▶ [YOUR ASSIGNMENT]:
Once you have read the data below, set it all down again exactly.

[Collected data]
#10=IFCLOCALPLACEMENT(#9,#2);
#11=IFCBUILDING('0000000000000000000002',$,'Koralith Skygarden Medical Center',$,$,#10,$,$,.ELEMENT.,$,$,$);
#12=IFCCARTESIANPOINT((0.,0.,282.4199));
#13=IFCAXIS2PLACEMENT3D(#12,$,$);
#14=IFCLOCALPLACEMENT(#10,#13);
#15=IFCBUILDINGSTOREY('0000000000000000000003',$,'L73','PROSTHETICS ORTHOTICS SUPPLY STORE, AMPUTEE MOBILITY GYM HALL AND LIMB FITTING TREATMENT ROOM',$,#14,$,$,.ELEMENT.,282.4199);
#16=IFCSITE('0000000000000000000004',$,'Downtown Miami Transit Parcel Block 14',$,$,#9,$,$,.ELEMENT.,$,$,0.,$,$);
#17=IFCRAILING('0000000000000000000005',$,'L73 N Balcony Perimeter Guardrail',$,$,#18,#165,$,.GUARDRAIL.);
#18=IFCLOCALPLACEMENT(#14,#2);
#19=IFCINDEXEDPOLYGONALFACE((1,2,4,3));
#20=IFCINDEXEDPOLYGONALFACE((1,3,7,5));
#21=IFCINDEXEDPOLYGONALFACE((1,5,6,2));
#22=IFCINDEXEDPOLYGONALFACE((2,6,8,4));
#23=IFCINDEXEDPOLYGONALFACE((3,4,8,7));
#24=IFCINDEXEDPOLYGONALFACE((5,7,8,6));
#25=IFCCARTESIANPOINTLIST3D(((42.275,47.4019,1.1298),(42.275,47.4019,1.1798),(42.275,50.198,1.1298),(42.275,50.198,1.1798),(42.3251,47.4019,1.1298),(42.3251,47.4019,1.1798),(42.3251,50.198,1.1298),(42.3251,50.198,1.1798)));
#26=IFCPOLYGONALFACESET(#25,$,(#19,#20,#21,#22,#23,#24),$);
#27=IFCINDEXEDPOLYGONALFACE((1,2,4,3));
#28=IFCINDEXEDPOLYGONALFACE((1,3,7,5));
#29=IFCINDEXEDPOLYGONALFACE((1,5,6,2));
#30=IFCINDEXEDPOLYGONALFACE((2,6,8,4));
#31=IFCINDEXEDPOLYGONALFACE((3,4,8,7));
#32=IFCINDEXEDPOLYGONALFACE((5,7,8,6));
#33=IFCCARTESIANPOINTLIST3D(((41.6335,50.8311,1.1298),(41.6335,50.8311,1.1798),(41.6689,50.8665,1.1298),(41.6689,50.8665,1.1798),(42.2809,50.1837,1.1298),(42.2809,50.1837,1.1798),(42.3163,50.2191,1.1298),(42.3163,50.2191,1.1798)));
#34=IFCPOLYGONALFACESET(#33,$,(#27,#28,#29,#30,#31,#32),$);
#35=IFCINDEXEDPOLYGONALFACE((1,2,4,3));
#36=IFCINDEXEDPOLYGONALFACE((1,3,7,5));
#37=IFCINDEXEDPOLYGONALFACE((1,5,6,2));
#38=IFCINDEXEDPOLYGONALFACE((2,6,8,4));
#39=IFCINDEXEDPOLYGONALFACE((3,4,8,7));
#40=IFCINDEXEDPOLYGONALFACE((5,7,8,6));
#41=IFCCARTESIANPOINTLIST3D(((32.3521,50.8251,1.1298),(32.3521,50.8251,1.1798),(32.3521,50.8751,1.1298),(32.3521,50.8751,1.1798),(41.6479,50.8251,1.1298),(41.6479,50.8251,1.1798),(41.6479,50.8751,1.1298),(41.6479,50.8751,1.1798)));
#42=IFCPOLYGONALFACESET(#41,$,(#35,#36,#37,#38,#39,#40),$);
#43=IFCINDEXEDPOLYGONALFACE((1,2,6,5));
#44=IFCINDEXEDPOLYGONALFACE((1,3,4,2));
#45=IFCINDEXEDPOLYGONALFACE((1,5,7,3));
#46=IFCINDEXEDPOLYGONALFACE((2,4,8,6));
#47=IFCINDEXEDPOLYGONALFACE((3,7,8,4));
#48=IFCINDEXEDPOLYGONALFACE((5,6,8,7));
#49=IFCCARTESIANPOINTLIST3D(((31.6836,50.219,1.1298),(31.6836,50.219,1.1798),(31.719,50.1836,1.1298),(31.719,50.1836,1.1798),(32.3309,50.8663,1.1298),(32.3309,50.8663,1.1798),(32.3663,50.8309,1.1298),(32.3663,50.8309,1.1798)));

▶ [WRITTEN SOLUTION]:
#10=IFCLOCALPLACEMENT(#9,#2);
#11=IFCBUILDING('0000000000000000000002',$,'Koralith Skygarden Medical Center',$,$,#10,$,$,.ELEMENT.,$,$,$);
#12=IFCCARTESIANPOINT((0.,0.,282.4199));
#13=IFCAXIS2PLACEMENT3D(#12,$,$);
#14=IFCLOCALPLACEMENT(#10,#13);
#15=IFCBUILDINGSTOREY('0000000000000000000003',$,'L73','PROSTHETICS ORTHOTICS SUPPLY STORE, AMPUTEE MOBILITY GYM HALL AND LIMB FITTING TREATMENT ROOM',$,#14,$,$,.ELEMENT.,282.4199);
#16=IFCSITE('0000000000000000000004',$,'Downtown Miami Transit Parcel Block 14',$,$,#9,$,$,.ELEMENT.,$,$,0.,$,$);
#17=IFCRAILING('0000000000000000000005',$,'L73 N Balcony Perimeter Guardrail',$,$,#18,#165,$,.GUARDRAIL.);
#18=IFCLOCALPLACEMENT(#14,#2);
#19=IFCINDEXEDPOLYGONALFACE((1,2,4,3));
#20=IFCINDEXEDPOLYGONALFACE((1,3,7,5));
#21=IFCINDEXEDPOLYGONALFACE((1,5,6,2));
#22=IFCINDEXEDPOLYGONALFACE((2,6,8,4));
#23=IFCINDEXEDPOLYGONALFACE((3,4,8,7));
#24=IFCINDEXEDPOLYGONALFACE((5,7,8,6));
#25=IFCCARTESIANPOINTLIST3D(((42.275,47.4019,1.1298),(42.275,47.4019,1.1798),(42.275,50.198,1.1298),(42.275,50.198,1.1798),(42.3251,47.4019,1.1298),(42.3251,47.4019,1.1798),(42.3251,50.198,1.1298),(42.3251,50.198,1.1798)));
#26=IFCPOLYGONALFACESET(#25,$,(#19,#20,#21,#22,#23,#24),$);
#27=IFCINDEXEDPOLYGONALFACE((1,2,4,3));
#28=IFCINDEXEDPOLYGONALFACE((1,3,7,5));
#29=IFCINDEXEDPOLYGONALFACE((1,5,6,2));
#30=IFCINDEXEDPOLYGONALFACE((2,6,8,4));
#31=IFCINDEXEDPOLYGONALFACE((3,4,8,7));
#32=IFCINDEXEDPOLYGONALFACE((5,7,8,6));
#33=IFCCARTESIANPOINTLIST3D(((41.6335,50.8311,1.1298),(41.6335,50.8311,1.1798),(41.6689,50.8665,1.1298),(41.6689,50.8665,1.1798),(42.2809,50.1837,1.1298),(42.2809,50.1837,1.1798),(42.3163,50.2191,1.1298),(42.3163,50.2191,1.1798)));
#34=IFCPOLYGONALFACESET(#33,$,(#27,#28,#29,#30,#31,#32),$);
#35=IFCINDEXEDPOLYGONALFACE((1,2,4,3));
#36=IFCINDEXEDPOLYGONALFACE((1,3,7,5));
#37=IFCINDEXEDPOLYGONALFACE((1,5,6,2));
#38=IFCINDEXEDPOLYGONALFACE((2,6,8,4));
#39=IFCINDEXEDPOLYGONALFACE((3,4,8,7));
#40=IFCINDEXEDPOLYGONALFACE((5,7,8,6));
#41=IFCCARTESIANPOINTLIST3D(((32.3521,50.8251,1.1298),(32.3521,50.8251,1.1798),(32.3521,50.8751,1.1298),(32.3521,50.8751,1.1798),(41.6479,50.8251,1.1298),(41.6479,50.8251,1.1798),(41.6479,50.8751,1.1298),(41.6479,50.8751,1.1798)));
#42=IFCPOLYGONALFACESET(#41,$,(#35,#36,#37,#38,#39,#40),$);
#43=IFCINDEXEDPOLYGONALFACE((1,2,6,5));
#44=IFCINDEXEDPOLYGONALFACE((1,3,4,2));
#45=IFCINDEXEDPOLYGONALFACE((1,5,7,3));
#46=IFCINDEXEDPOLYGONALFACE((2,4,8,6));
#47=IFCINDEXEDPOLYGONALFACE((3,7,8,4));
#48=IFCINDEXEDPOLYGONALFACE((5,6,8,7));
#49=IFCCARTESIANPOINTLIST3D(((31.6836,50.219,1.1298),(31.6836,50.219,1.1798),(31.719,50.1836,1.1298),(31.719,50.1836,1.1798),(32.3309,50.8663,1.1298),(32.3309,50.8663,1.1798),(32.3663,50.8309,1.1298),(32.3663,50.8309,1.1798)));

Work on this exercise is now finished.